-- Provided data follows --
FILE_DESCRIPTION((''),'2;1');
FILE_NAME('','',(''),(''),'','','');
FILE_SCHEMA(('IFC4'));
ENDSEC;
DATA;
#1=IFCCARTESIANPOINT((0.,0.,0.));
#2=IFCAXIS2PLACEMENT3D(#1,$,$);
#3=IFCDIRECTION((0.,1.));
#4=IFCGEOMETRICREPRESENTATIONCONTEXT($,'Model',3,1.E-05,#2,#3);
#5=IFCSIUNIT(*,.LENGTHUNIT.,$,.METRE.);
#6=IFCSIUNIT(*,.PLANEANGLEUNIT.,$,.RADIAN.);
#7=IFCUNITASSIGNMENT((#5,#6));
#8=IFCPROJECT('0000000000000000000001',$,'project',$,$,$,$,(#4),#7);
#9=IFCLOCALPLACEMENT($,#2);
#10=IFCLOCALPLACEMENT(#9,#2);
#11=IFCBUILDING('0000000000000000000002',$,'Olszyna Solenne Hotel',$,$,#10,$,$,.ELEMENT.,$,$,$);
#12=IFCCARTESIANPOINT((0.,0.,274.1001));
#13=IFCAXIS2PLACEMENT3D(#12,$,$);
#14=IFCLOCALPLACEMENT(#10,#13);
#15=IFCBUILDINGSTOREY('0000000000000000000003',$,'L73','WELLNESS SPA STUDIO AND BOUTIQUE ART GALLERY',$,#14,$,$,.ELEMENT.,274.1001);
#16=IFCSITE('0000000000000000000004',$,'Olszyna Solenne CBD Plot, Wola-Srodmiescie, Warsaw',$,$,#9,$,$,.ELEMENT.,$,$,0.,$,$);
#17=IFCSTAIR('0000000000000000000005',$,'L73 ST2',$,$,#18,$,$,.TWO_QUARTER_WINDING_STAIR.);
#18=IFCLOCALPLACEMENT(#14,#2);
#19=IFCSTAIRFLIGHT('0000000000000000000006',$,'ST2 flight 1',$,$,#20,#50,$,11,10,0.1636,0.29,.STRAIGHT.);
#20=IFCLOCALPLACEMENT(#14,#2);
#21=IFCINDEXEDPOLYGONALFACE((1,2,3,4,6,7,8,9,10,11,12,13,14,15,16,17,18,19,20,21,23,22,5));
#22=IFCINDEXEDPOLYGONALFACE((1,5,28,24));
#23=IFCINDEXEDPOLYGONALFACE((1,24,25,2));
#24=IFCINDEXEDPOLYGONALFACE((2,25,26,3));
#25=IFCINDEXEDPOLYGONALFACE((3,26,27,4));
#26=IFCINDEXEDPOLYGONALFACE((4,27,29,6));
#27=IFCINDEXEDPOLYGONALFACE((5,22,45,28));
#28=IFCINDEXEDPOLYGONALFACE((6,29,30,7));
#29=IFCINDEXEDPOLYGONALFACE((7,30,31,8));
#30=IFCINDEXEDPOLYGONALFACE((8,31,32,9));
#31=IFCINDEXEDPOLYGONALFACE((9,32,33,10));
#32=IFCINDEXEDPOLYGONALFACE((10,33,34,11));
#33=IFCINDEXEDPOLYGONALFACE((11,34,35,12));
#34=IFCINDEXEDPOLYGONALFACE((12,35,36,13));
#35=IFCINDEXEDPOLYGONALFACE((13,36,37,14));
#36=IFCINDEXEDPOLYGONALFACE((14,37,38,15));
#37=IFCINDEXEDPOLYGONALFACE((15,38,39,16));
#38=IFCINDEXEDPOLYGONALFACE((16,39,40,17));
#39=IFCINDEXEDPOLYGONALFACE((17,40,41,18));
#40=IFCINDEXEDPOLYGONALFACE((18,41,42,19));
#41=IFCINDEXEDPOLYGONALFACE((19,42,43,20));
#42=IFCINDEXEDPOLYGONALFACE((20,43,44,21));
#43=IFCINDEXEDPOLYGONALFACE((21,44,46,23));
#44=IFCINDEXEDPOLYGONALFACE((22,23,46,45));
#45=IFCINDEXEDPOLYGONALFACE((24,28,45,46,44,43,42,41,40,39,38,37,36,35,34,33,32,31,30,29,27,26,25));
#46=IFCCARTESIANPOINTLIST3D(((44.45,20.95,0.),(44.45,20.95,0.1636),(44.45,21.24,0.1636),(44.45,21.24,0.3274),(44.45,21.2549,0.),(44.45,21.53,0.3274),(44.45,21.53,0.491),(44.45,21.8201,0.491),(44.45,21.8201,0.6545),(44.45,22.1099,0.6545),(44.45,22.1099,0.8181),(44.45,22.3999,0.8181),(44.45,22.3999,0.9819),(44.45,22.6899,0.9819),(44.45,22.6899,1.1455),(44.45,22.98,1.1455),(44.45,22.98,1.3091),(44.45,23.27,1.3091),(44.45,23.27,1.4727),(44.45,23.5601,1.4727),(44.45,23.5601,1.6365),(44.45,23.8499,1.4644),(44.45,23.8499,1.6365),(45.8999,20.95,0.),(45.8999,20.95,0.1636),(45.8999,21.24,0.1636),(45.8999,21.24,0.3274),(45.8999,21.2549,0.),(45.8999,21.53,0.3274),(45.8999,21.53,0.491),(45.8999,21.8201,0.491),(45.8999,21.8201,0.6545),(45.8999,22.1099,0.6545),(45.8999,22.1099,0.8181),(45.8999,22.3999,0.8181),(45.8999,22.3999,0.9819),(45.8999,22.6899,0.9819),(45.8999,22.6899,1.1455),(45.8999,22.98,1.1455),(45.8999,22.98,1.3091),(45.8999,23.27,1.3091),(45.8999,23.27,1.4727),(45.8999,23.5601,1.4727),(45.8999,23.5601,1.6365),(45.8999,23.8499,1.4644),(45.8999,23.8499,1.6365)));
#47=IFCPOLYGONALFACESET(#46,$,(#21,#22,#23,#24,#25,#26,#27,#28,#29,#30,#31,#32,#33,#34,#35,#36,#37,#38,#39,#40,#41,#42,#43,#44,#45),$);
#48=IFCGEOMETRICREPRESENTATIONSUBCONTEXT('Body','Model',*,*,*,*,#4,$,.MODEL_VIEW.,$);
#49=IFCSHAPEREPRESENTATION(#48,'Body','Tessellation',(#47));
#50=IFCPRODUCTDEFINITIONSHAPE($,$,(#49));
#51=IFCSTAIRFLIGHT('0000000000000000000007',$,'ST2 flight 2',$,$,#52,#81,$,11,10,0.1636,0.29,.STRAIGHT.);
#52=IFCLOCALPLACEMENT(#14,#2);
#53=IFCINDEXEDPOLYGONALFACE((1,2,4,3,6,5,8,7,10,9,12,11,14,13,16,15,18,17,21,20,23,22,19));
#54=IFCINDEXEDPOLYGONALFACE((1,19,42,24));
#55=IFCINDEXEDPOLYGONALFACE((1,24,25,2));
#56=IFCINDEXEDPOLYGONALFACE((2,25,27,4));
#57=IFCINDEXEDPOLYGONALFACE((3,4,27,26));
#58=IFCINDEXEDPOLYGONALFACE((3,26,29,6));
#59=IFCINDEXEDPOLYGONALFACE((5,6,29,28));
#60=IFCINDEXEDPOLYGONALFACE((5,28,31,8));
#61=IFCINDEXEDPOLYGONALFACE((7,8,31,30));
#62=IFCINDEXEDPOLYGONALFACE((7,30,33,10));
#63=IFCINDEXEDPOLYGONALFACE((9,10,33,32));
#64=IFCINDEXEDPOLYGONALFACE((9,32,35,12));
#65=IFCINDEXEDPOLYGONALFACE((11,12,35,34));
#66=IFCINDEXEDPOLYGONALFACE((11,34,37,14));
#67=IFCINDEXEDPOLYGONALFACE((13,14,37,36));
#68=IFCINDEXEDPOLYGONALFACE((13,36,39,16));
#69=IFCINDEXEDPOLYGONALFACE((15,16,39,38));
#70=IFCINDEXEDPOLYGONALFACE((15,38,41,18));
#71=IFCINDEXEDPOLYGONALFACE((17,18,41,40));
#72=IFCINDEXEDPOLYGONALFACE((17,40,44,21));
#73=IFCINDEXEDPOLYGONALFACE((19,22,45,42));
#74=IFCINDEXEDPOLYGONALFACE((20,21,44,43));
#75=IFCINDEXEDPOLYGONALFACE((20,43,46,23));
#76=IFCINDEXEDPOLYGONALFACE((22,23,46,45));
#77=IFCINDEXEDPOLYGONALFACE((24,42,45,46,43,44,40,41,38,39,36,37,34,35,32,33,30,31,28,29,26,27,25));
-- Provided data concluded --
Task requirements
Only a number is wanted here. How many lines in the material contain "Olszyna"?

Final answer
2